Your objective
After locating "#70=IFCINDEXEDPOLYGONALFACE((1,5,6,2));" in the listing below, copy that line and each one after it exactly, ending with the line that has "END-ISO-10303-21;".

Data in this exercise
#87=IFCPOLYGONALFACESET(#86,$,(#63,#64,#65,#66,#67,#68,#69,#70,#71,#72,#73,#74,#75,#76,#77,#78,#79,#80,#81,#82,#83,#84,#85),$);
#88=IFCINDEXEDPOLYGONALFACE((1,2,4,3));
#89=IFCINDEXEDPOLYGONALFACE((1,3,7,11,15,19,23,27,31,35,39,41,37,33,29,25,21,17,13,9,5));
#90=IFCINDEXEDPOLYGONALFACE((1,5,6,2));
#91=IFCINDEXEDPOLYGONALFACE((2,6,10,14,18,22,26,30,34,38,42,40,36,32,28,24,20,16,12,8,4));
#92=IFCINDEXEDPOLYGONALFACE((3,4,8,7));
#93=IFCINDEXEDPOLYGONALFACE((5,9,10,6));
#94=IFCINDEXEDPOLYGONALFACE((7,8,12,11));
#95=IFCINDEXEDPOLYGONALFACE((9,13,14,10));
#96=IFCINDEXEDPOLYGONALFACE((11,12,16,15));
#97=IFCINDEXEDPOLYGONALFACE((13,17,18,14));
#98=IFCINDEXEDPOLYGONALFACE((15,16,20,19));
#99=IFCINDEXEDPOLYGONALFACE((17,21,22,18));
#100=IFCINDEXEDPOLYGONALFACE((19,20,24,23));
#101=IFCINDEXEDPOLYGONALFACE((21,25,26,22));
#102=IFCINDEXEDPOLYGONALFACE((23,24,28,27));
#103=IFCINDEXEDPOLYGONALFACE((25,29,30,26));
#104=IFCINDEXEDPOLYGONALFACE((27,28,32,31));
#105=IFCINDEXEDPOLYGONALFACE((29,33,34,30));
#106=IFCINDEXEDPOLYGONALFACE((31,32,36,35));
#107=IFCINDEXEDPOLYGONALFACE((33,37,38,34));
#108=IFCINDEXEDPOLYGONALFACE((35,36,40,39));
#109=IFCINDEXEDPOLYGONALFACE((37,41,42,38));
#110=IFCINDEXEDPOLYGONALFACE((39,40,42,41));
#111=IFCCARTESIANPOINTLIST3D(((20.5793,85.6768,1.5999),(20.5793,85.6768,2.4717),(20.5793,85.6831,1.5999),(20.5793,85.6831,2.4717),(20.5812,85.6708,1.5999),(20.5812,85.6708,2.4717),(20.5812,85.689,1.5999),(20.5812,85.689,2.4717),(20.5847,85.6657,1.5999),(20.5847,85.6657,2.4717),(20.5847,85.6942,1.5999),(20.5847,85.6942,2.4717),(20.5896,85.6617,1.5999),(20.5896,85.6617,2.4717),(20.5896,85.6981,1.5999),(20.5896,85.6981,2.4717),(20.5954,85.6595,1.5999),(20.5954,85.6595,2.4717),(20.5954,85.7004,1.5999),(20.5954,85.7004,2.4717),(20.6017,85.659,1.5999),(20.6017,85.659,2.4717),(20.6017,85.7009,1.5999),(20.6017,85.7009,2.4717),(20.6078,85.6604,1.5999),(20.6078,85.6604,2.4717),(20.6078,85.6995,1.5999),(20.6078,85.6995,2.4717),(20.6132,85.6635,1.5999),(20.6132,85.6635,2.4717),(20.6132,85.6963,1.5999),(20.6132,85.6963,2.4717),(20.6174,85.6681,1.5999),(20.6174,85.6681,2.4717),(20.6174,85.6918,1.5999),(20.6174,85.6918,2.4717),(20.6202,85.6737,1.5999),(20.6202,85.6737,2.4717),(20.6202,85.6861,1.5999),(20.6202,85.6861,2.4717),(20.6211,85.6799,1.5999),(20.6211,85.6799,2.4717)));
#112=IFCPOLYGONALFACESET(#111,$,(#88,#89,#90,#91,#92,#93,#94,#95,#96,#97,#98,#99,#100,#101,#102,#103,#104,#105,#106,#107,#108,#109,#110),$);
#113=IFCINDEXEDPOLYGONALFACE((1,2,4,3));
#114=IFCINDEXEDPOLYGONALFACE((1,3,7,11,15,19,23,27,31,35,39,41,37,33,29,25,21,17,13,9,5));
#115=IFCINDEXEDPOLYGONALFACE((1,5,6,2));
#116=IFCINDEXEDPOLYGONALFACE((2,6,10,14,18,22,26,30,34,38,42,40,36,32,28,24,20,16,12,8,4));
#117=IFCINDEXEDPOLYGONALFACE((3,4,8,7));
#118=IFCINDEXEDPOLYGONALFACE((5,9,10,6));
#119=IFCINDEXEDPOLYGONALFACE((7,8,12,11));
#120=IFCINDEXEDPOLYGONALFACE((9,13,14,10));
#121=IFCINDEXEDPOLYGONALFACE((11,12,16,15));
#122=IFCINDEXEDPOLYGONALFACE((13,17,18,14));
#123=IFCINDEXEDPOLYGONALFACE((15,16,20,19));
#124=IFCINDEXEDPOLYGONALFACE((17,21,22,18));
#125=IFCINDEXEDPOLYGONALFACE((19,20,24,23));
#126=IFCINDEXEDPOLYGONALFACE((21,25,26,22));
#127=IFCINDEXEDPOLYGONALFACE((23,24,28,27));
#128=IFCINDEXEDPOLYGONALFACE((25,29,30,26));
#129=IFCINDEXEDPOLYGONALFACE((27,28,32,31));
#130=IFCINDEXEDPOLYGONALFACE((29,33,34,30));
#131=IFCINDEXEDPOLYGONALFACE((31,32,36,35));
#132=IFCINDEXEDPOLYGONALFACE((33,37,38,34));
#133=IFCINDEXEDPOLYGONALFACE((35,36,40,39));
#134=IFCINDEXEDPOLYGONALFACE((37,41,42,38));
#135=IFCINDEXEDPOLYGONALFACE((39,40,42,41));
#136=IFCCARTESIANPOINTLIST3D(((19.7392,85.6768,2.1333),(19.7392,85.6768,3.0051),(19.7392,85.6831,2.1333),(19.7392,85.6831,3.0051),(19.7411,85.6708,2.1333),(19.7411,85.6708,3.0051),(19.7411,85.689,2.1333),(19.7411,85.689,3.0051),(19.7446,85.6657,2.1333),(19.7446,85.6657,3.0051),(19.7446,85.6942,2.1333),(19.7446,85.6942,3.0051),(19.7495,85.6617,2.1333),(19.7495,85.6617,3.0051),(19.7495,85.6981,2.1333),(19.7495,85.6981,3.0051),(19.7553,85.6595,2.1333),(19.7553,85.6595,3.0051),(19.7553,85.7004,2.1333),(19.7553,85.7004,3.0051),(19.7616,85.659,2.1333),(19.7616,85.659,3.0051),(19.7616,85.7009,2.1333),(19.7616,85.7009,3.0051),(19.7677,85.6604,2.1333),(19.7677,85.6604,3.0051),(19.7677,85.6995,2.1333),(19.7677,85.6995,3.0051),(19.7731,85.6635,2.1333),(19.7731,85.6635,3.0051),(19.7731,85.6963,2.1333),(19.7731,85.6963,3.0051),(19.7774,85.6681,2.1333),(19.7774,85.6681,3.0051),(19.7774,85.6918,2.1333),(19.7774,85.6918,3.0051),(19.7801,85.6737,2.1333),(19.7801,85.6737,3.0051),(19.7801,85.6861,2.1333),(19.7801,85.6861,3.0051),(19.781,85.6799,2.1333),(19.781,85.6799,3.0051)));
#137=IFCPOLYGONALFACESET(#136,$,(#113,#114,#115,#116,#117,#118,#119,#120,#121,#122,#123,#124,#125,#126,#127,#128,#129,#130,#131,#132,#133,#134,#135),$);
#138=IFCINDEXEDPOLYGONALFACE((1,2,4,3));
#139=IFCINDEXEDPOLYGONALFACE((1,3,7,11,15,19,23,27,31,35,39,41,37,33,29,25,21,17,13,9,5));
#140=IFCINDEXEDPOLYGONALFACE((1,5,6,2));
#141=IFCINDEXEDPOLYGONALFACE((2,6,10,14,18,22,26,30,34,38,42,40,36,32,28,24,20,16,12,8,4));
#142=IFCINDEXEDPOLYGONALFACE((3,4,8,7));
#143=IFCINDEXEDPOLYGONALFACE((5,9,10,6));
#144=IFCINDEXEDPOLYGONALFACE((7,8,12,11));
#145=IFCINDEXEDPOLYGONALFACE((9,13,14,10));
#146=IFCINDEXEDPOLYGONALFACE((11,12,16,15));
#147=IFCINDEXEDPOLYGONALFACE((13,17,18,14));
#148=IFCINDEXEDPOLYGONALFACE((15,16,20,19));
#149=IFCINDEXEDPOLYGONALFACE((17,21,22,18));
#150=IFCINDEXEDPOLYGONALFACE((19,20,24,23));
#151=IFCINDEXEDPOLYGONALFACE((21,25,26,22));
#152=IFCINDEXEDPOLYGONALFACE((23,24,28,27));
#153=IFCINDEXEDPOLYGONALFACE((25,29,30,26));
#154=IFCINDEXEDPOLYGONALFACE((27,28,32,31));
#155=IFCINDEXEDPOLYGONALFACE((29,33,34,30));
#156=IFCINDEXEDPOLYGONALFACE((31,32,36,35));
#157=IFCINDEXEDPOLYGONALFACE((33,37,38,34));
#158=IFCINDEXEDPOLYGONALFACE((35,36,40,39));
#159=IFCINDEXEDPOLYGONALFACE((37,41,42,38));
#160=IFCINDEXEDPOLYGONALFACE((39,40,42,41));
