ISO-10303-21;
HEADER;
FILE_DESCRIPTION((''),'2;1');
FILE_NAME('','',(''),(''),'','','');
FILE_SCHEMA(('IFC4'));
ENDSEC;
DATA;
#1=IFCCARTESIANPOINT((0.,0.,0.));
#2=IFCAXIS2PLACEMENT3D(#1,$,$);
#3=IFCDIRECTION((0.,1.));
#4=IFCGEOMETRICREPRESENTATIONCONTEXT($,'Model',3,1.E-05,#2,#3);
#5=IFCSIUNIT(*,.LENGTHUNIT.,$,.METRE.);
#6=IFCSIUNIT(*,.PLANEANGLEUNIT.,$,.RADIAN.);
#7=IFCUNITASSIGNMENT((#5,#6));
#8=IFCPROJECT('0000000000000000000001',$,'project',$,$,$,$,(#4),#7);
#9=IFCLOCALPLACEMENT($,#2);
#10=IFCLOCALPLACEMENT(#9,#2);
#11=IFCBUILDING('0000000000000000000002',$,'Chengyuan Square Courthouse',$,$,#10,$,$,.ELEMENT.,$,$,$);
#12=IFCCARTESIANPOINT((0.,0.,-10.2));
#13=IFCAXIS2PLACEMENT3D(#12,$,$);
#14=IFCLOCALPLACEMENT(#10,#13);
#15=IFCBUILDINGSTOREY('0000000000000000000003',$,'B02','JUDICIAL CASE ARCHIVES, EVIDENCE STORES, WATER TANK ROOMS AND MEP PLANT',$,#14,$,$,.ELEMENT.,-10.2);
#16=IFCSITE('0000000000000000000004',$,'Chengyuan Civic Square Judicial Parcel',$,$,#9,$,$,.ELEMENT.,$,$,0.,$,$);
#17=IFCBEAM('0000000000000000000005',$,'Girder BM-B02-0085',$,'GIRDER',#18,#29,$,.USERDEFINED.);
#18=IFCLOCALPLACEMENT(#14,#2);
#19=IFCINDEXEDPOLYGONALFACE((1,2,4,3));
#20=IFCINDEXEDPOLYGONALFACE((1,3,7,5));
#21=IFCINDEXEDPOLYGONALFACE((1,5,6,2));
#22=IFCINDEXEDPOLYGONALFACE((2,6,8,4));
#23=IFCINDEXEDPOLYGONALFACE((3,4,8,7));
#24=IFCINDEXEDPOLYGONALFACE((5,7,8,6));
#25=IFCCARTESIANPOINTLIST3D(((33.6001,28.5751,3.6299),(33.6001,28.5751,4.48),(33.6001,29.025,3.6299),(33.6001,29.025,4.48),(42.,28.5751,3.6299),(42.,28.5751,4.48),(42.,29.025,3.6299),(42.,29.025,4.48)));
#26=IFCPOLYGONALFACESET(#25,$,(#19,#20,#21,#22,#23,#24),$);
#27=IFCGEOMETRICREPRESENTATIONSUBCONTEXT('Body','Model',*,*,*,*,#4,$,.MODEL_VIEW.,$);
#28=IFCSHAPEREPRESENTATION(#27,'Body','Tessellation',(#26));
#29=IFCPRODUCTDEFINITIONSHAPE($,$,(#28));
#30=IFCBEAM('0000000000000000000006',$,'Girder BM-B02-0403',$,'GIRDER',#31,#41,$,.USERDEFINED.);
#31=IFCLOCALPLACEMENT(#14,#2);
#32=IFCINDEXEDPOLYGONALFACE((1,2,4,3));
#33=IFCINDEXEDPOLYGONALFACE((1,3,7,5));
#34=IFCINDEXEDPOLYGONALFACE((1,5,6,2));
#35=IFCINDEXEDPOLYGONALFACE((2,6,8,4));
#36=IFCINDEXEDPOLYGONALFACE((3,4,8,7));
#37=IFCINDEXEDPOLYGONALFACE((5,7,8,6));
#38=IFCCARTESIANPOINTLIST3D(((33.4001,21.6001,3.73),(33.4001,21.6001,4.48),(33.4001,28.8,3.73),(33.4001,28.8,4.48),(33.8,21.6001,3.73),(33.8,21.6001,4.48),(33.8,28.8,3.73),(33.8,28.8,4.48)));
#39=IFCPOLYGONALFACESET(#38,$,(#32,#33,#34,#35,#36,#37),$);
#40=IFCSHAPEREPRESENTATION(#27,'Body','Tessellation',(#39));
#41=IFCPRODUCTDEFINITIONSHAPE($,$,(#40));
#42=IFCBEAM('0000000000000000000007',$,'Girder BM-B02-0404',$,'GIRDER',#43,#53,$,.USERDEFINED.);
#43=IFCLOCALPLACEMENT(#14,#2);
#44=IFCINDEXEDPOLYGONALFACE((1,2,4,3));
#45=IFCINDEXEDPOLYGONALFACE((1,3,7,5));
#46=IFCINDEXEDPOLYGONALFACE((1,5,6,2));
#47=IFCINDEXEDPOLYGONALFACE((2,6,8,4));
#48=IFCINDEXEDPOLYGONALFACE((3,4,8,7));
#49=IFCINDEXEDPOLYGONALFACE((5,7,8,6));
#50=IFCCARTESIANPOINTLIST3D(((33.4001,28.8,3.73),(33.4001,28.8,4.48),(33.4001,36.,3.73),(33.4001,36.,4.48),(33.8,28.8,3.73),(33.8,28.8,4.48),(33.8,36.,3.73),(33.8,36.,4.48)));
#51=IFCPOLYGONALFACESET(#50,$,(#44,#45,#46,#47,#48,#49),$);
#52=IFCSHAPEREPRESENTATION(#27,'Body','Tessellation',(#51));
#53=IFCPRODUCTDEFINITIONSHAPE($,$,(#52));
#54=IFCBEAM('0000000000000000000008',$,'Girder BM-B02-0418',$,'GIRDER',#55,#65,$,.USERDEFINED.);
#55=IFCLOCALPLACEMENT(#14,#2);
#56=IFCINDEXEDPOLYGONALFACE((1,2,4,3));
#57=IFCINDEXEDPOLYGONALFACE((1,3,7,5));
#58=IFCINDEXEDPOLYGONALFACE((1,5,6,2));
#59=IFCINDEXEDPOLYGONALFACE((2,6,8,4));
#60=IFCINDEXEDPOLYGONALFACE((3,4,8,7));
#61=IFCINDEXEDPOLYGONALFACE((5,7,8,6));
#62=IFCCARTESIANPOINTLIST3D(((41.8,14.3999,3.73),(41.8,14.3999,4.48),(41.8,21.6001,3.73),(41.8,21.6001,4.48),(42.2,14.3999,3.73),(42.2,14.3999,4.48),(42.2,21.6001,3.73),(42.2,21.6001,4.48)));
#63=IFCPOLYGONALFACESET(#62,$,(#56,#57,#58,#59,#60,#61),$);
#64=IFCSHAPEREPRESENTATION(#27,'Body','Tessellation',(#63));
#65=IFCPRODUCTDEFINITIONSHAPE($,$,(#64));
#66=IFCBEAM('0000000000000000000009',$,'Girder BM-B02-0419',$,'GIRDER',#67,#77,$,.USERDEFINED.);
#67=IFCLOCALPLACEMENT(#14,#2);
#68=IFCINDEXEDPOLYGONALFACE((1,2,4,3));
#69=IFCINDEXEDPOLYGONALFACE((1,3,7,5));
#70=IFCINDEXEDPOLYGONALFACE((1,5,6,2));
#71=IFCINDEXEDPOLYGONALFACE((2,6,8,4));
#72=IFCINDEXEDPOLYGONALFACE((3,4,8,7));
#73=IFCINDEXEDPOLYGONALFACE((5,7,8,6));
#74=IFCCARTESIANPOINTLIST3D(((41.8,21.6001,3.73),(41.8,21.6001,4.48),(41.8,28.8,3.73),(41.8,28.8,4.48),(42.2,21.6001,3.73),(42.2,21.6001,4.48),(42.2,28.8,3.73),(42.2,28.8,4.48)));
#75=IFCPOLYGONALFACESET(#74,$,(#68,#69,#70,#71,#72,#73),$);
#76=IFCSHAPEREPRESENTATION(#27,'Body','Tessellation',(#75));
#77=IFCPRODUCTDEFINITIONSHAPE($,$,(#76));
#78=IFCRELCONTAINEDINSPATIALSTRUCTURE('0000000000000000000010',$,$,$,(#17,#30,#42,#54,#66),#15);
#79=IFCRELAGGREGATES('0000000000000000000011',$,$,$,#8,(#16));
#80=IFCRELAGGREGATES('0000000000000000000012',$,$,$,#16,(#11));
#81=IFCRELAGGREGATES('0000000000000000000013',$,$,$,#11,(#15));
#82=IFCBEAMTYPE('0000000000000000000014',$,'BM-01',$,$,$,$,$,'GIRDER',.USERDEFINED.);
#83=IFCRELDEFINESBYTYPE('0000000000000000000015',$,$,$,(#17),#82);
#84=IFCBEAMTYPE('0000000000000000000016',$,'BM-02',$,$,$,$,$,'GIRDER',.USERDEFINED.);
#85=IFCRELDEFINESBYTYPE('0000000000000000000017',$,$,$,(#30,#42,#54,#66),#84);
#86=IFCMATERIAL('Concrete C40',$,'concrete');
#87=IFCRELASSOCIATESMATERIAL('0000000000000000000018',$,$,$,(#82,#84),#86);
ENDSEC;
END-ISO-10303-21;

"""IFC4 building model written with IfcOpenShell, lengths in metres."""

from ifc_helpers import new_model, si_unit, direction, frame, origin, origin_2d, place, context, subcontext, project, spatial, rectangle, extrude, material, material_profile, profile_set, type_object, element, save


model = new_model("IFC4")

# Units and contexts
model_context = context("Model", 3, precision=1e-05, world=origin(), true_north=direction((0.0, 1.0)))
body_context = subcontext(model_context, "Body", "Model", "MODEL_VIEW")
ifc_project = project(units=[si_unit("LENGTHUNIT", "METRE"), si_unit("PLANEANGLEUNIT", "RADIAN")], contexts=[model_context])

# Site, building, storey
site_placement = place(None, origin())
site = spatial("IfcSite", under=ifc_project, at=site_placement, Name="Chengyuan Civic Square Judicial Parcel", CompositionType="ELEMENT", RefElevation=0.0)
building_placement = place(site_placement, origin())
building = spatial("IfcBuilding", under=site, at=building_placement, Name="Chengyuan Square Courthouse", CompositionType="ELEMENT")
storey_placement = place(building_placement, frame((0.0, 0.0, -10.2)))
storey = spatial("IfcBuildingStorey", under=building, at=storey_placement, Name="B02", Description="JUDICIAL CASE ARCHIVES, EVIDENCE STORES, WATER TANK ROOMS AND MEP PLANT", CompositionType="ELEMENT", Elevation=-10.2)

# Shared definitions
ifc_material_1 = material(Name="Concrete C40", Category="concrete")

# Beams
ifc_material_profile_1 = material_profile(ifc_material_1, rectangle(XDim=0.45, YDim=0.8501, at=origin_2d()), Name="RC-BM-450x850")
ifc_profile_set_1 = profile_set([ifc_material_profile_1], Name="Concrete C40")
beam_type_1 = type_object("IfcBeamType", Name="BM-01", ElementType="GIRDER", PredefinedType="USERDEFINED", material=ifc_profile_set_1)
for number, where, z_axis, x_axis, name in (
    (1, (33.6001, 28.8, 4.0549), (1.0, 0.0, 0.0), (0.0, 1.0, 0.0), "Girder BM-B02-0085"),
):
    element("IfcBeam", number, at=place(storey_placement, frame(where, z_axis=z_axis, x_axis=x_axis)), inside=storey, type_object=beam_type_1, Name=name, ObjectType="GIRDER", PredefinedType="USERDEFINED", context=body_context, shape_type="SweptSolid", body=[
        extrude(rectangle(XDim=0.45, YDim=0.8501, at=origin_2d()), origin(), (0.0, 0.0, 1.0), 8.3999),
    ])
ifc_material_profile_2 = material_profile(ifc_material_1, rectangle(XDim=0.3999, YDim=0.75, at=origin_2d()), Name="RC-BM-400x750")
ifc_profile_set_2 = profile_set([ifc_material_profile_2], Name="Concrete C40")
beam_type_2 = type_object("IfcBeamType", Name="BM-02", ElementType="GIRDER", PredefinedType="USERDEFINED", material=ifc_profile_set_2)
for number, where, z_axis, x_axis, name in (
    (2, (33.6001, 21.6001, 4.105), (0.0, 1.0, 0.0), (-1.0, 0.0, 0.0), "Girder BM-B02-0403"),
    (3, (33.6001, 28.8, 4.105), (0.0, 1.0, 0.0), (-1.0, 0.0, 0.0), "Girder BM-B02-0404"),
):
    element("IfcBeam", number, at=place(storey_placement, frame(where, z_axis=z_axis, x_axis=x_axis)), inside=storey, type_object=beam_type_2, Name=name, ObjectType="GIRDER", PredefinedType="USERDEFINED", context=body_context, shape_type="SweptSolid", body=[
        extrude(rectangle(XDim=0.3999, YDim=0.75, at=origin_2d()), origin(), (0.0, 0.0, 1.0), 7.2),
    ])
beam_1_placement = place(storey_placement, frame((42.0, 14.3999, 4.105), z_axis=(0.0, 1.0, 0.0), x_axis=(-1.0, 0.0, 0.0)))
element("IfcBeam", 4, at=beam_1_placement, inside=storey, type_object=beam_type_2, Name="Girder BM-B02-0418", ObjectType="GIRDER", PredefinedType="USERDEFINED", context=body_context, shape_type="SweptSolid", body=[
    extrude(rectangle(XDim=0.3999, YDim=0.75, at=origin_2d()), origin(), (0.0, 0.0, 1.0), 7.2002),
])
beam_2_placement = place(storey_placement, frame((42.0, 21.6001, 4.105), z_axis=(0.0, 1.0, 0.0), x_axis=(-1.0, 0.0, 0.0)))
element("IfcBeam", 5, at=beam_2_placement, inside=storey, type_object=beam_type_2, Name="Girder BM-B02-0419", ObjectType="GIRDER", PredefinedType="USERDEFINED", context=body_context, shape_type="SweptSolid", body=[
    extrude(rectangle(XDim=0.3999, YDim=0.75, at=origin_2d()), origin(), (0.0, 0.0, 1.0), 7.2),
])

save(model, "model.ifc")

Exercise result
#70=IFCINDEXEDPOLYGONALFACE((1,5,6,2));
#71=IFCINDEXEDPOLYGONALFACE((2,6,8,4));
#72=IFCINDEXEDPOLYGONALFACE((3,4,8,7));
#73=IFCINDEXEDPOLYGONALFACE((5,7,8,6));
#74=IFCCARTESIANPOINTLIST3D(((41.8,21.6001,3.73),(41.8,21.6001,4.48),(41.8,28.8,3.73),(41.8,28.8,4.48),(42.2,21.6001,3.73),(42.2,21.6001,4.48),(42.2,28.8,3.73),(42.2,28.8,4.48)));
#75=IFCPOLYGONALFACESET(#74,$,(#68,#69,#70,#71,#72,#73),$);
#76=IFCSHAPEREPRESENTATION(#27,'Body','Tessellation',(#75));
#77=IFCPRODUCTDEFINITIONSHAPE($,$,(#76));
#78=IFCRELCONTAINEDINSPATIALSTRUCTURE('0000000000000000000010',$,$,$,(#17,#30,#42,#54,#66),#15);
#79=IFCRELAGGREGATES('0000000000000000000011',$,$,$,#8,(#16));
#80=IFCRELAGGREGATES('0000000000000000000012',$,$,$,#16,(#11));
#81=IFCRELAGGREGATES('0000000000000000000013',$,$,$,#11,(#15));
#82=IFCBEAMTYPE('0000000000000000000014',$,'BM-01',$,$,$,$,$,'GIRDER',.USERDEFINED.);
#83=IFCRELDEFINESBYTYPE('0000000000000000000015',$,$,$,(#17),#82);
#84=IFCBEAMTYPE('0000000000000000000016',$,'BM-02',$,$,$,$,$,'GIRDER',.USERDEFINED.);
#85=IFCRELDEFINESBYTYPE('0000000000000000000017',$,$,$,(#30,#42,#54,#66),#84);
#86=IFCMATERIAL('Concrete C40',$,'concrete');
#87=IFCRELASSOCIATESMATERIAL('0000000000000000000018',$,$,$,(#82,#84),#86);
ENDSEC;
END-ISO-10303-21;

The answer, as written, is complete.